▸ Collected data

»»

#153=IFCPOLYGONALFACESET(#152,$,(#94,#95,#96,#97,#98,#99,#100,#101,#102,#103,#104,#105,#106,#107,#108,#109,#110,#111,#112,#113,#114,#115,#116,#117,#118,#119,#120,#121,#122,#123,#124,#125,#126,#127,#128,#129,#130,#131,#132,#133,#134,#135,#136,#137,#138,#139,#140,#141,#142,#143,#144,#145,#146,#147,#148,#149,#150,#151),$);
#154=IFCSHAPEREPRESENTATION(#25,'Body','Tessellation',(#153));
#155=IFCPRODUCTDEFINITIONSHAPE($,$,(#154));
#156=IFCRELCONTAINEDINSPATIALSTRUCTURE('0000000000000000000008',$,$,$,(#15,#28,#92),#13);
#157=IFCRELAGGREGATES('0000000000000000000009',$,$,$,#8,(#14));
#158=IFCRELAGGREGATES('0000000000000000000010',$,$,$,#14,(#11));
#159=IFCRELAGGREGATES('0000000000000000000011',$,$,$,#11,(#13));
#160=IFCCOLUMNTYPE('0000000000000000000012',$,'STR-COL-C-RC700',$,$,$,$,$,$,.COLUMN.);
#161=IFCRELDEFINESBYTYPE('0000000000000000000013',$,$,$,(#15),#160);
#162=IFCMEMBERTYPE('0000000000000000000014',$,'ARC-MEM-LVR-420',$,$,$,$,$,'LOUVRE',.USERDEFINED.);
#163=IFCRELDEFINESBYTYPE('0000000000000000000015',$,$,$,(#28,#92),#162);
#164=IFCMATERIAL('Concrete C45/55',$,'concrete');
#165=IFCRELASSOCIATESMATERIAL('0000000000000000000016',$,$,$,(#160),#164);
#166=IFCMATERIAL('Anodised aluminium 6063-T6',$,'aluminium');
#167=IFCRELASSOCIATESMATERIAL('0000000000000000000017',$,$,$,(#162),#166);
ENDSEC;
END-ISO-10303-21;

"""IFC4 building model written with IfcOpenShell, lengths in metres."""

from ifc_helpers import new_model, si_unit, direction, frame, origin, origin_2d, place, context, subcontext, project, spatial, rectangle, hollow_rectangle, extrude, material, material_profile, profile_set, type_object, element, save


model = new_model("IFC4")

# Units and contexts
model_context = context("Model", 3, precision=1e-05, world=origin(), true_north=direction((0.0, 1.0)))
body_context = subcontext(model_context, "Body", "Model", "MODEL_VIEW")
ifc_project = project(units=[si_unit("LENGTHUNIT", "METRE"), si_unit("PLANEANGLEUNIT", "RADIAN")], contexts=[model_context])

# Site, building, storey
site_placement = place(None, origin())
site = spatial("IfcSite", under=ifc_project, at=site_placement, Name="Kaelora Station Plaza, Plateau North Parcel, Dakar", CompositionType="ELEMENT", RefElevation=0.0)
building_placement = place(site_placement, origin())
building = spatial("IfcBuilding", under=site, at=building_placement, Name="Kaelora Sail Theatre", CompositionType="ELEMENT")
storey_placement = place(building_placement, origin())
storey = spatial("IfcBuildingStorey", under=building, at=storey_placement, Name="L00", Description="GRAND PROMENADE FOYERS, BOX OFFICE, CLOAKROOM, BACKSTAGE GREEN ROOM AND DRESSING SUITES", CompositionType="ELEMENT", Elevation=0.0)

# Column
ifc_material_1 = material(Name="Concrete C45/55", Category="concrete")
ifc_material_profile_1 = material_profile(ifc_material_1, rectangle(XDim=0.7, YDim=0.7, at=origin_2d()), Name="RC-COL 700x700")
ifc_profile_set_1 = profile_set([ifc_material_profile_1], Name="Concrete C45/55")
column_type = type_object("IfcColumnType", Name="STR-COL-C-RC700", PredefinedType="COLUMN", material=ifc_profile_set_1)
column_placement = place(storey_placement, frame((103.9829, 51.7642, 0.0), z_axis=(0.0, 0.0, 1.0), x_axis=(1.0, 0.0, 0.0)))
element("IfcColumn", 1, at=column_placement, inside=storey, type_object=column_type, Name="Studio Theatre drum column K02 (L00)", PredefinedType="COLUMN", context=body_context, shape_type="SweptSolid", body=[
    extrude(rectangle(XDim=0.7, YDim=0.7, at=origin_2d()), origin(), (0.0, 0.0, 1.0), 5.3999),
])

««

▸ Exercise requirements
Lines containing the string "extrude" are the ones to copy from the entries above.

▸ Exercise response
from ifc_helpers import new_model, si_unit, direction, frame, origin, origin_2d, place, context, subcontext, project, spatial, rectangle, hollow_rectangle, extrude, material, material_profile, profile_set, type_object, element, save
    extrude(rectangle(XDim=0.7, YDim=0.7, at=origin_2d()), origin(), (0.0, 0.0, 1.0), 5.3999),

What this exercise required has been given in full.